Material to process below:

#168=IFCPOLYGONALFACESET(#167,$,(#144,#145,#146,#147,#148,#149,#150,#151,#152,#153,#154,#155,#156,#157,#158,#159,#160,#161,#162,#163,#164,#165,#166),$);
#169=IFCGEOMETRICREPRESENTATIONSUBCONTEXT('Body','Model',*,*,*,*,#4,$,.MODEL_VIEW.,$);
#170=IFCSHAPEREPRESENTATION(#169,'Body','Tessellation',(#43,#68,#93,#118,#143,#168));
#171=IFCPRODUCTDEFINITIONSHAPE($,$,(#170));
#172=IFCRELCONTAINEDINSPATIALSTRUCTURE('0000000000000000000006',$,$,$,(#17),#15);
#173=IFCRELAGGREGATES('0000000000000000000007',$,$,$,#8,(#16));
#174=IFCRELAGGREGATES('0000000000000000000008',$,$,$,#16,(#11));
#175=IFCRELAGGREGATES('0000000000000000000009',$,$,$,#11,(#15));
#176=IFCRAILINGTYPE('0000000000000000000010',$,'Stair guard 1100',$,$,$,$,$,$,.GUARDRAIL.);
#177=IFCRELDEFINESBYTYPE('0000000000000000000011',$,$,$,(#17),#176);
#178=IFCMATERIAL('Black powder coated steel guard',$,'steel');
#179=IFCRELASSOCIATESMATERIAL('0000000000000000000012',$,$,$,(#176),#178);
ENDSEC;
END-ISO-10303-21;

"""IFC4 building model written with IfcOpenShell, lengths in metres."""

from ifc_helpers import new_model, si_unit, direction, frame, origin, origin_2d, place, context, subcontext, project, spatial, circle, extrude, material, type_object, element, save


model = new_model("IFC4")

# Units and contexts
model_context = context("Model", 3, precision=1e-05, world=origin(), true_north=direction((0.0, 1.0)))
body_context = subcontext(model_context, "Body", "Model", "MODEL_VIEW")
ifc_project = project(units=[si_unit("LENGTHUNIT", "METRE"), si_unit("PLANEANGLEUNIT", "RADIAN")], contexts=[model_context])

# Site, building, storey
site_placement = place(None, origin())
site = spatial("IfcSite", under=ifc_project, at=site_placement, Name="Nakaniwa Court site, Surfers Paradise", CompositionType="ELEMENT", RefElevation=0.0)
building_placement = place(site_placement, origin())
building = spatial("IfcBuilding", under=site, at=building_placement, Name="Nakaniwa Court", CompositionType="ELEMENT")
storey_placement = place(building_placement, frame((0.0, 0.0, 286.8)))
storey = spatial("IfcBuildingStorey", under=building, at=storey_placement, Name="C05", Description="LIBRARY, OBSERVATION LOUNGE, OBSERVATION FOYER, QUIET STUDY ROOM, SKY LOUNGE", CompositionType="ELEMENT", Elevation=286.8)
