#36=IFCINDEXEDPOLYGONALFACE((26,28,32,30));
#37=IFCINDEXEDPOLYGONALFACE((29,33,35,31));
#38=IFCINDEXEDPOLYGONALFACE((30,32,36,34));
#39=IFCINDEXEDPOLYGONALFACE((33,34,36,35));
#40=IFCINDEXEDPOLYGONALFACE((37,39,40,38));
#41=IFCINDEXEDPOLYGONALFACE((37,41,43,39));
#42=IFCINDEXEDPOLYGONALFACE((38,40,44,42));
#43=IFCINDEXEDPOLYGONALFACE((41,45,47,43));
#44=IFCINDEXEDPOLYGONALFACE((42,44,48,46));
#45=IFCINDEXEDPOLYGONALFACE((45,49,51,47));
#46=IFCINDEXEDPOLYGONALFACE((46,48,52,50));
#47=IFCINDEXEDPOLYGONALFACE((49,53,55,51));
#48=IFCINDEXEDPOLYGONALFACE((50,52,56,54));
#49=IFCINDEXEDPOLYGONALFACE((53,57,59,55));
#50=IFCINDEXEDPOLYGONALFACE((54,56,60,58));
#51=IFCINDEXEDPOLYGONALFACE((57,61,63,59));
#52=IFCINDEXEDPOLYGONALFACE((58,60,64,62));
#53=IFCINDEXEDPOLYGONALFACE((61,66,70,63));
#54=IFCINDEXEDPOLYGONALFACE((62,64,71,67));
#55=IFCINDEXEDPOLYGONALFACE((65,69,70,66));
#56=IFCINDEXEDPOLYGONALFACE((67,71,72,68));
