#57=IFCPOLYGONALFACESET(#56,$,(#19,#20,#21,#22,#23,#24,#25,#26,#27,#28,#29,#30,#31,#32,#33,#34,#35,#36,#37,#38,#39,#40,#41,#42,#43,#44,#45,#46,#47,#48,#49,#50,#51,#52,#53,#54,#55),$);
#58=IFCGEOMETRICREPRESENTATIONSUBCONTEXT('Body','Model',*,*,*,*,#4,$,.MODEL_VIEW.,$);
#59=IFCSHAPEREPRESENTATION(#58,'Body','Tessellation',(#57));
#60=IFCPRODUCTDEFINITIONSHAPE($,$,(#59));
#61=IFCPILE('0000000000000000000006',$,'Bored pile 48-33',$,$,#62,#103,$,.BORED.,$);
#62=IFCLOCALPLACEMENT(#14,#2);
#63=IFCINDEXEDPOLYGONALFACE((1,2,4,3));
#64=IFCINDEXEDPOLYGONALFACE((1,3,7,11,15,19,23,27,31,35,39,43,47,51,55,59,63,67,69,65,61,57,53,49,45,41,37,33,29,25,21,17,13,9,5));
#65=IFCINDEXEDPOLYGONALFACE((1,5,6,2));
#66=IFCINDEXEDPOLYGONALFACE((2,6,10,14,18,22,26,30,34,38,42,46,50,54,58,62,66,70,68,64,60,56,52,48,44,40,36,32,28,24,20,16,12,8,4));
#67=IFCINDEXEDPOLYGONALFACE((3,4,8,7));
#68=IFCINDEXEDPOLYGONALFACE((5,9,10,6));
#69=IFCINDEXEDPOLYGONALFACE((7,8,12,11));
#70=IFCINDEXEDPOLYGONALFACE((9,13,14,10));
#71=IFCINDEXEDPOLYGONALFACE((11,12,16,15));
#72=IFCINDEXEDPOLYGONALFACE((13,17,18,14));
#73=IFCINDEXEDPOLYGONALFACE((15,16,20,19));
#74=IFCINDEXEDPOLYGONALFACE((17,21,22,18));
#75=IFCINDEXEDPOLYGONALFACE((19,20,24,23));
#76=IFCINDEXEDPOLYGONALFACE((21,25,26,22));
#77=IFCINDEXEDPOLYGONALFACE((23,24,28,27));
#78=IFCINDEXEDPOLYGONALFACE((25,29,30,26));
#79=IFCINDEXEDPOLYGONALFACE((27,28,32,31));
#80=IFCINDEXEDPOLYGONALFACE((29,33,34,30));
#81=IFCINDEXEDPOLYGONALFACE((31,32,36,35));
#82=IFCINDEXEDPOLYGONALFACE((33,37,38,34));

End of Material to process.
Material to process below:

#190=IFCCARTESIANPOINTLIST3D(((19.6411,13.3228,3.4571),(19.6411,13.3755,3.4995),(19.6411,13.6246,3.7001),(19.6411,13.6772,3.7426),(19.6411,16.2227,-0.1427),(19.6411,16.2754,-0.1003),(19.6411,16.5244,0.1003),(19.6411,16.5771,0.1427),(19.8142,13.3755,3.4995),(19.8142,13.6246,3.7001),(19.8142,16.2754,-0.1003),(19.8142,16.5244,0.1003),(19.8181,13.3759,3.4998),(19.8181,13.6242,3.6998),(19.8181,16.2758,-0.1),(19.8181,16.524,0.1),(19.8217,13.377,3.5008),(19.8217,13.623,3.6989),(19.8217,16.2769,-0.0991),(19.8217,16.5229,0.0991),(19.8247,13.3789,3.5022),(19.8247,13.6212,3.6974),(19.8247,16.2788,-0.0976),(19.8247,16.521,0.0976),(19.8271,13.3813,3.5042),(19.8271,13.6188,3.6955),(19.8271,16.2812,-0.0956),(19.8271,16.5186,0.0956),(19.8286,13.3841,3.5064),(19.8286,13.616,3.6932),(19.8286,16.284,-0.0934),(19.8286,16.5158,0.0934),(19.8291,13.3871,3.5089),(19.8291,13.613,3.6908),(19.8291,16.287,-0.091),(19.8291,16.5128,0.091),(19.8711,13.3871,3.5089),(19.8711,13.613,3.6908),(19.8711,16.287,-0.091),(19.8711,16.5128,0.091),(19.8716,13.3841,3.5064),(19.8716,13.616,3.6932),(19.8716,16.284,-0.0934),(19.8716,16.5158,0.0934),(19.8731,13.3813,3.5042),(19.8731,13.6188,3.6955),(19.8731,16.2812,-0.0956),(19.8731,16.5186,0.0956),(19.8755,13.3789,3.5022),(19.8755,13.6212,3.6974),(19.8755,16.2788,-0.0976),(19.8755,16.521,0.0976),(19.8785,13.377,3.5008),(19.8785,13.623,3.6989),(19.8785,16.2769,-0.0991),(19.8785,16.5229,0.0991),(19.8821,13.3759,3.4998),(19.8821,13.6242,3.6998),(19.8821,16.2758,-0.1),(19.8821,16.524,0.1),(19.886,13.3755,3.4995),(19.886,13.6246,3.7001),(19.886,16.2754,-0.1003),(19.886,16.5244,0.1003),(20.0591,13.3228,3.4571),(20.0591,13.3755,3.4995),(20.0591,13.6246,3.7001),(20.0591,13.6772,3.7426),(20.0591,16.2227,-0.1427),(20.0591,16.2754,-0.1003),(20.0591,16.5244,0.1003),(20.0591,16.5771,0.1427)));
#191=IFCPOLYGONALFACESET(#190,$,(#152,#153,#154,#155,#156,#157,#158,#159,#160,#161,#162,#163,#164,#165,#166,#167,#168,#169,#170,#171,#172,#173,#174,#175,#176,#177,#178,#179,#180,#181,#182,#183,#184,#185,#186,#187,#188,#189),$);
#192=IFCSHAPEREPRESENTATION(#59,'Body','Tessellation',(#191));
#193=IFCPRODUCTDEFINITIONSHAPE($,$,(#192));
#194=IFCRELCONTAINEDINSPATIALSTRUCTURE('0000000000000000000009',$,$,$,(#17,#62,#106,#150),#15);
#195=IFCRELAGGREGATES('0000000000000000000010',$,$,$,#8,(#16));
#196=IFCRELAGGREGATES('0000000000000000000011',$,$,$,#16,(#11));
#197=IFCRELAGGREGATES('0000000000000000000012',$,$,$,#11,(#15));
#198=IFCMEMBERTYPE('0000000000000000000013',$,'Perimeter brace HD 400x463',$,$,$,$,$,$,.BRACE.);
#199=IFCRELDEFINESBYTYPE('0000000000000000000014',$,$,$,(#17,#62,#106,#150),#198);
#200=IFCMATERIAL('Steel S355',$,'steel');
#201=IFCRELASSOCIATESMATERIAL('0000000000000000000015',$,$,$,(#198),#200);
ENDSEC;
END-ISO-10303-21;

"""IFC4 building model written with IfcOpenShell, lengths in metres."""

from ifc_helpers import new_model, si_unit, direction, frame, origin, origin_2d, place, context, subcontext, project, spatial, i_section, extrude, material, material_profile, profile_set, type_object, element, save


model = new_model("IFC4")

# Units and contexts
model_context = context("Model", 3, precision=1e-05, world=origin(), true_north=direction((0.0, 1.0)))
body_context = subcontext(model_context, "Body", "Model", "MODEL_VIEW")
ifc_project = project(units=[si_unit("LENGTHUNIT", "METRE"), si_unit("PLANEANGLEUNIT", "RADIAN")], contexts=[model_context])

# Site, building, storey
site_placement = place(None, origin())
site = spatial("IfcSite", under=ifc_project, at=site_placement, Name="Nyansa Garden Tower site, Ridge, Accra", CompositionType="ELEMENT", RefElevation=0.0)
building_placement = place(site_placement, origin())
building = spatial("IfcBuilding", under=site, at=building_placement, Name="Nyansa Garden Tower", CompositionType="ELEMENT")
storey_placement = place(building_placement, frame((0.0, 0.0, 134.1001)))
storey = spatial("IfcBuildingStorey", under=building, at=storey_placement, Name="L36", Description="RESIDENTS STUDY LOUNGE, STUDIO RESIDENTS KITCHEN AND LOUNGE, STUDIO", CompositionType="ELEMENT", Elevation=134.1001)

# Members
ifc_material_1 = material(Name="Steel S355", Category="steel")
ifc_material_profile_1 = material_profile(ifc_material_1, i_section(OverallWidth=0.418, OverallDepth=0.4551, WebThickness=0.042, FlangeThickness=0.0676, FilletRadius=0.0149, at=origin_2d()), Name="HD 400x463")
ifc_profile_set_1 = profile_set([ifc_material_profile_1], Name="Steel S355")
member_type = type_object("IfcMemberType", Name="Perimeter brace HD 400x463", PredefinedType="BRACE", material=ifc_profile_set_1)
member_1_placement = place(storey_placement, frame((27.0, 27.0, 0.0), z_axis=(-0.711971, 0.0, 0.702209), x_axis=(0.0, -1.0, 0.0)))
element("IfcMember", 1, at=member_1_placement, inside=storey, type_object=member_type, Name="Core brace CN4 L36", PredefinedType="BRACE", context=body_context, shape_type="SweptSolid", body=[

End of Material to process.

### Brief
Look back at the entries above. Retype the line with "#73=IFCINDEXEDPOLYGONALFACE((15,16,20,19));", the line with "#82=IFCINDEXEDPOLYGONALFACE((33,37,38,34));", and all lines in between.

### Answer to this task
#73=IFCINDEXEDPOLYGONALFACE((15,16,20,19));
#74=IFCINDEXEDPOLYGONALFACE((17,21,22,18));
#75=IFCINDEXEDPOLYGONALFACE((19,20,24,23));
#76=IFCINDEXEDPOLYGONALFACE((21,25,26,22));
#77=IFCINDEXEDPOLYGONALFACE((23,24,28,27));
#78=IFCINDEXEDPOLYGONALFACE((25,29,30,26));
#79=IFCINDEXEDPOLYGONALFACE((27,28,32,31));
#80=IFCINDEXEDPOLYGONALFACE((29,33,34,30));
#81=IFCINDEXEDPOLYGONALFACE((31,32,36,35));
#82=IFCINDEXEDPOLYGONALFACE((33,37,38,34));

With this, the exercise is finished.